#### [TASK PROMPT]
Taking the entries below from the top, restate each line exactly and end with the line containing "#151=IFCLOCALPLACEMENT(#14,#2);".

#### [RECORD SET]
□ □ □ □
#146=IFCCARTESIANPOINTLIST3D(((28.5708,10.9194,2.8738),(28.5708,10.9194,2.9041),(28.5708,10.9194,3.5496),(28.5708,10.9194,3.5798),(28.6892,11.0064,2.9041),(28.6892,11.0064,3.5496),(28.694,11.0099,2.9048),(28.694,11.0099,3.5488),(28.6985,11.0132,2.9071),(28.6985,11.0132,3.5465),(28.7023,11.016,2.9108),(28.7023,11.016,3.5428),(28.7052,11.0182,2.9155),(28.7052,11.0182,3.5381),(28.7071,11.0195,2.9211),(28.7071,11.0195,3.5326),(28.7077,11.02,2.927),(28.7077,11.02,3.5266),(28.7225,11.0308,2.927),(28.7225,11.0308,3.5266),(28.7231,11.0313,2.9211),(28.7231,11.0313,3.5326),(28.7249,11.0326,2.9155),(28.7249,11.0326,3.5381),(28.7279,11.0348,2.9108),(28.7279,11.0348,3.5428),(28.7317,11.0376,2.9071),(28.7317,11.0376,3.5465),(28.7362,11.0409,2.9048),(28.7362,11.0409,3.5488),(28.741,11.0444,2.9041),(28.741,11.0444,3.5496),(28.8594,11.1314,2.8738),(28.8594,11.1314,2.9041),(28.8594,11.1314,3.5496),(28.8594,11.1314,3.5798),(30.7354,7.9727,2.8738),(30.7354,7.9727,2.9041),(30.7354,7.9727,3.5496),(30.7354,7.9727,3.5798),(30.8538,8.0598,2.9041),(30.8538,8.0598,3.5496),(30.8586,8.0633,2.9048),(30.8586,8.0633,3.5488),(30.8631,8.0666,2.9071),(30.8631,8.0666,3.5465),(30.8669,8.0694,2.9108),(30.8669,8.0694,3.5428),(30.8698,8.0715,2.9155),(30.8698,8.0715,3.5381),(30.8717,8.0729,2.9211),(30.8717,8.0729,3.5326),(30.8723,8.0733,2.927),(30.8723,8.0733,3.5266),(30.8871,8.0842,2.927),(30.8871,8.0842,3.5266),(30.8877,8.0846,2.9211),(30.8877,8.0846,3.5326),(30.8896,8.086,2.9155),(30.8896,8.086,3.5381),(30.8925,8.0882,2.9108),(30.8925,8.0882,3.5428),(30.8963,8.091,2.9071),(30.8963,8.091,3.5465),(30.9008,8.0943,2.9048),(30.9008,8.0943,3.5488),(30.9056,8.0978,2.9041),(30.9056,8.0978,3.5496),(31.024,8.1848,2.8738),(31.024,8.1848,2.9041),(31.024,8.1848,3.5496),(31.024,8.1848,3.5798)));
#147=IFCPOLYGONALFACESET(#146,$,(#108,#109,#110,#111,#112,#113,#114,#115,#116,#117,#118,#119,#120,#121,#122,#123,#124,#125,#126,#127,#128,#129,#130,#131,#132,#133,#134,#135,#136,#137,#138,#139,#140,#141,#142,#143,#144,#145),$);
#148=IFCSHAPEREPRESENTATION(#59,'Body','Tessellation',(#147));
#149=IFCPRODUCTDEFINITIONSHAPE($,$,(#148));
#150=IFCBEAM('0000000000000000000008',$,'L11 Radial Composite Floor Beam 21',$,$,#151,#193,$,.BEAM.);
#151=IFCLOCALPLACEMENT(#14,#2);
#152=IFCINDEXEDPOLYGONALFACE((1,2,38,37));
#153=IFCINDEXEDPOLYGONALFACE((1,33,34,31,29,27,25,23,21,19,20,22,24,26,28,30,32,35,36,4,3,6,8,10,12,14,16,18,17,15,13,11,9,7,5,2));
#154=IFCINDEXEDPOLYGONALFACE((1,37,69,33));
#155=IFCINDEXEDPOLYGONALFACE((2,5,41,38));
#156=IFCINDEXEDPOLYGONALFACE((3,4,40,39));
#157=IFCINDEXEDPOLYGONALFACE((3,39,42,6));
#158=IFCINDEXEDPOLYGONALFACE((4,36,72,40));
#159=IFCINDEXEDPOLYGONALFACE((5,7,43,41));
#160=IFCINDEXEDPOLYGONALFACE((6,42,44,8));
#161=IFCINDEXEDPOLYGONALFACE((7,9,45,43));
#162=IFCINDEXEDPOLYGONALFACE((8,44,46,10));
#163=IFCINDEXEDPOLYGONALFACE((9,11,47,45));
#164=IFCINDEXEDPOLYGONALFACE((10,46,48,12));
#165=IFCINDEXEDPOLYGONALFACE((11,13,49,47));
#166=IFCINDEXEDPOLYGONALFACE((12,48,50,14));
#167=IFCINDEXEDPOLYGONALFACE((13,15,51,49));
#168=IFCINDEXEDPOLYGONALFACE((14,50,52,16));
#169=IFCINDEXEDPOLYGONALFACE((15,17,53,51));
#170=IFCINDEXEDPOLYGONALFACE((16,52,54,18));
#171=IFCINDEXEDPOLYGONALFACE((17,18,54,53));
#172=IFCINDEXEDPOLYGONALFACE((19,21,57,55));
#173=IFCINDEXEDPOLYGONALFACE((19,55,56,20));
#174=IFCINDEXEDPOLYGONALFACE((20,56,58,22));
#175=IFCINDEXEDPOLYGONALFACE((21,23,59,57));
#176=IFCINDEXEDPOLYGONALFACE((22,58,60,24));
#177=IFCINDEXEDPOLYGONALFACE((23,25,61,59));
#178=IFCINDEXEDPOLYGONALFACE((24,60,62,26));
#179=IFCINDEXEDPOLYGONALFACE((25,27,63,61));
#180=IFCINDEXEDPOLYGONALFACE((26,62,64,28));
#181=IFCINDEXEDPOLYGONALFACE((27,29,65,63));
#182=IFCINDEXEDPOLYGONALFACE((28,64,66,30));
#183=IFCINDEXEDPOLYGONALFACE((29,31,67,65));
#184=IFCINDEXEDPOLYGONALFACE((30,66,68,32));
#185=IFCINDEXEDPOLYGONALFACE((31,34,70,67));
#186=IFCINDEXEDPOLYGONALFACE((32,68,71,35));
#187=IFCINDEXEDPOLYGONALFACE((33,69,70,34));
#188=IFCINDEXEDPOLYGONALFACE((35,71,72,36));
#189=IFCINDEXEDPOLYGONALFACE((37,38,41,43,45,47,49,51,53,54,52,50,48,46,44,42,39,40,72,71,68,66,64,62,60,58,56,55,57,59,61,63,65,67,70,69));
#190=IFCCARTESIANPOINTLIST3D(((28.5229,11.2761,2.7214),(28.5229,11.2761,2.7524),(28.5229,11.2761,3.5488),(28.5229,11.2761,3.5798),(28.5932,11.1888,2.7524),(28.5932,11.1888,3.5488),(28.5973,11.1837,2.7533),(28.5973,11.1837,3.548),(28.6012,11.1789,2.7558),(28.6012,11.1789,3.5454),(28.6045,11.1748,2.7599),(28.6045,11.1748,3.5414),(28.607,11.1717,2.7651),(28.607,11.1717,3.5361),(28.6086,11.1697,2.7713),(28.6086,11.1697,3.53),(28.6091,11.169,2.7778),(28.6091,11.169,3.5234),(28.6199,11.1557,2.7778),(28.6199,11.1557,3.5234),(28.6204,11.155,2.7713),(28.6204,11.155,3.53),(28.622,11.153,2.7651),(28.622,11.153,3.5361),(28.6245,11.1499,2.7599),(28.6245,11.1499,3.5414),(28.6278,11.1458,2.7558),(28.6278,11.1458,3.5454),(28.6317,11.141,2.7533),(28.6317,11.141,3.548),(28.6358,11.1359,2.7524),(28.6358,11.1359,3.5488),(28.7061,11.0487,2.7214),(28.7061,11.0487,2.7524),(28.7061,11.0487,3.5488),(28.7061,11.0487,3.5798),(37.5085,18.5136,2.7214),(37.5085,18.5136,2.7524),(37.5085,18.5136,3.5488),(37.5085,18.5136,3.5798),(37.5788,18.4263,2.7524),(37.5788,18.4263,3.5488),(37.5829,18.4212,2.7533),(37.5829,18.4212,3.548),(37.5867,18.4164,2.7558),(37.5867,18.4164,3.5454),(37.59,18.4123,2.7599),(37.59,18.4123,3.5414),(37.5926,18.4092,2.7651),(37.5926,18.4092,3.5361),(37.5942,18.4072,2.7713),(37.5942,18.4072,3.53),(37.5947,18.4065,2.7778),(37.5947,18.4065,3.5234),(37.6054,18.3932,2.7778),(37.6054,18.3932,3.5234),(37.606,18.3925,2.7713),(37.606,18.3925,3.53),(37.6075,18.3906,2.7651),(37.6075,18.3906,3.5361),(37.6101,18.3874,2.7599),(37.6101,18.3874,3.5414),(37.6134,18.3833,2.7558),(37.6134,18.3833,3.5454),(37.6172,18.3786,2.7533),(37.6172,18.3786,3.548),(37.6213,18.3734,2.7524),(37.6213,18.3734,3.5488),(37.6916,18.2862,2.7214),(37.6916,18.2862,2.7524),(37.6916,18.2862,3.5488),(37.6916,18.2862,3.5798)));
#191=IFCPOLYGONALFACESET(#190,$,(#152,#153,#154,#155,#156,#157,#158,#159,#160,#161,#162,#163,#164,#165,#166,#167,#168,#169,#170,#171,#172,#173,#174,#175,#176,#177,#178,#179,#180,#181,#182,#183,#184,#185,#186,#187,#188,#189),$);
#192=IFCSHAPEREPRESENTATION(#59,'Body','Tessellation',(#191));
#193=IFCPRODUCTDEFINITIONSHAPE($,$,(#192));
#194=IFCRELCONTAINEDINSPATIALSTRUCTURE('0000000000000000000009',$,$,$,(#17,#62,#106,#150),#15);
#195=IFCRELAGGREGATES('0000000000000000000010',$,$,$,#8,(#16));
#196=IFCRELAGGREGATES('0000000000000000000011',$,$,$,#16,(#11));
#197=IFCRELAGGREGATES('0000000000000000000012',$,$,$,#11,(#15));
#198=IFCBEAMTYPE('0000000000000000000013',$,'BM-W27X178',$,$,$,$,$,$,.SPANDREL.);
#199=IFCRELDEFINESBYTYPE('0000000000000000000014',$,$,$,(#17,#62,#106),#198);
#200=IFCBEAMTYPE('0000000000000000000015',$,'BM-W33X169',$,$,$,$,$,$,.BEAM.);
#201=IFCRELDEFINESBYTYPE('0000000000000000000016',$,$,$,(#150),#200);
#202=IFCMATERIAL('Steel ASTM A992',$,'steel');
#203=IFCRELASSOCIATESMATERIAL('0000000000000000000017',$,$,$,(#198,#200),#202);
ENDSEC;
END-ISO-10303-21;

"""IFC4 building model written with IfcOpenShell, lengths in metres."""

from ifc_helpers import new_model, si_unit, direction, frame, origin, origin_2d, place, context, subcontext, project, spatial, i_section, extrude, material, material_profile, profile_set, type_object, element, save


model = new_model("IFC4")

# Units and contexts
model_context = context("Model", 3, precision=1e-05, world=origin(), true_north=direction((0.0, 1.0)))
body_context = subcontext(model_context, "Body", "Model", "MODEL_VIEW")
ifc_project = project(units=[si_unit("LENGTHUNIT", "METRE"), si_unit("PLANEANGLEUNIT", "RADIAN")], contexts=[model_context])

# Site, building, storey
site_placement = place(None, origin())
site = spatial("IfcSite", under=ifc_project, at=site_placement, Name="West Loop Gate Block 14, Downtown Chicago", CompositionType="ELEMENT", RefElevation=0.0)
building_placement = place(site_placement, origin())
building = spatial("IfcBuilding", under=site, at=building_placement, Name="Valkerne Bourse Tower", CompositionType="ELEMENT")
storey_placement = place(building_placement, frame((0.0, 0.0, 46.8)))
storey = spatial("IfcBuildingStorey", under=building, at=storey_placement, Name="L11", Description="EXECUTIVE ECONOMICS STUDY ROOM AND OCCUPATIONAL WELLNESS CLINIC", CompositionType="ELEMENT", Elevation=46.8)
□ □ □ □
#### [EXERCISE ANSWER]
#146=IFCCARTESIANPOINTLIST3D(((28.5708,10.9194,2.8738),(28.5708,10.9194,2.9041),(28.5708,10.9194,3.5496),(28.5708,10.9194,3.5798),(28.6892,11.0064,2.9041),(28.6892,11.0064,3.5496),(28.694,11.0099,2.9048),(28.694,11.0099,3.5488),(28.6985,11.0132,2.9071),(28.6985,11.0132,3.5465),(28.7023,11.016,2.9108),(28.7023,11.016,3.5428),(28.7052,11.0182,2.9155),(28.7052,11.0182,3.5381),(28.7071,11.0195,2.9211),(28.7071,11.0195,3.5326),(28.7077,11.02,2.927),(28.7077,11.02,3.5266),(28.7225,11.0308,2.927),(28.7225,11.0308,3.5266),(28.7231,11.0313,2.9211),(28.7231,11.0313,3.5326),(28.7249,11.0326,2.9155),(28.7249,11.0326,3.5381),(28.7279,11.0348,2.9108),(28.7279,11.0348,3.5428),(28.7317,11.0376,2.9071),(28.7317,11.0376,3.5465),(28.7362,11.0409,2.9048),(28.7362,11.0409,3.5488),(28.741,11.0444,2.9041),(28.741,11.0444,3.5496),(28.8594,11.1314,2.8738),(28.8594,11.1314,2.9041),(28.8594,11.1314,3.5496),(28.8594,11.1314,3.5798),(30.7354,7.9727,2.8738),(30.7354,7.9727,2.9041),(30.7354,7.9727,3.5496),(30.7354,7.9727,3.5798),(30.8538,8.0598,2.9041),(30.8538,8.0598,3.5496),(30.8586,8.0633,2.9048),(30.8586,8.0633,3.5488),(30.8631,8.0666,2.9071),(30.8631,8.0666,3.5465),(30.8669,8.0694,2.9108),(30.8669,8.0694,3.5428),(30.8698,8.0715,2.9155),(30.8698,8.0715,3.5381),(30.8717,8.0729,2.9211),(30.8717,8.0729,3.5326),(30.8723,8.0733,2.927),(30.8723,8.0733,3.5266),(30.8871,8.0842,2.927),(30.8871,8.0842,3.5266),(30.8877,8.0846,2.9211),(30.8877,8.0846,3.5326),(30.8896,8.086,2.9155),(30.8896,8.086,3.5381),(30.8925,8.0882,2.9108),(30.8925,8.0882,3.5428),(30.8963,8.091,2.9071),(30.8963,8.091,3.5465),(30.9008,8.0943,2.9048),(30.9008,8.0943,3.5488),(30.9056,8.0978,2.9041),(30.9056,8.0978,3.5496),(31.024,8.1848,2.8738),(31.024,8.1848,2.9041),(31.024,8.1848,3.5496),(31.024,8.1848,3.5798)));
#147=IFCPOLYGONALFACESET(#146,$,(#108,#109,#110,#111,#112,#113,#114,#115,#116,#117,#118,#119,#120,#121,#122,#123,#124,#125,#126,#127,#128,#129,#130,#131,#132,#133,#134,#135,#136,#137,#138,#139,#140,#141,#142,#143,#144,#145),$);
#148=IFCSHAPEREPRESENTATION(#59,'Body','Tessellation',(#147));
#149=IFCPRODUCTDEFINITIONSHAPE($,$,(#148));
#150=IFCBEAM('0000000000000000000008',$,'L11 Radial Composite Floor Beam 21',$,$,#151,#193,$,.BEAM.);
#151=IFCLOCALPLACEMENT(#14,#2);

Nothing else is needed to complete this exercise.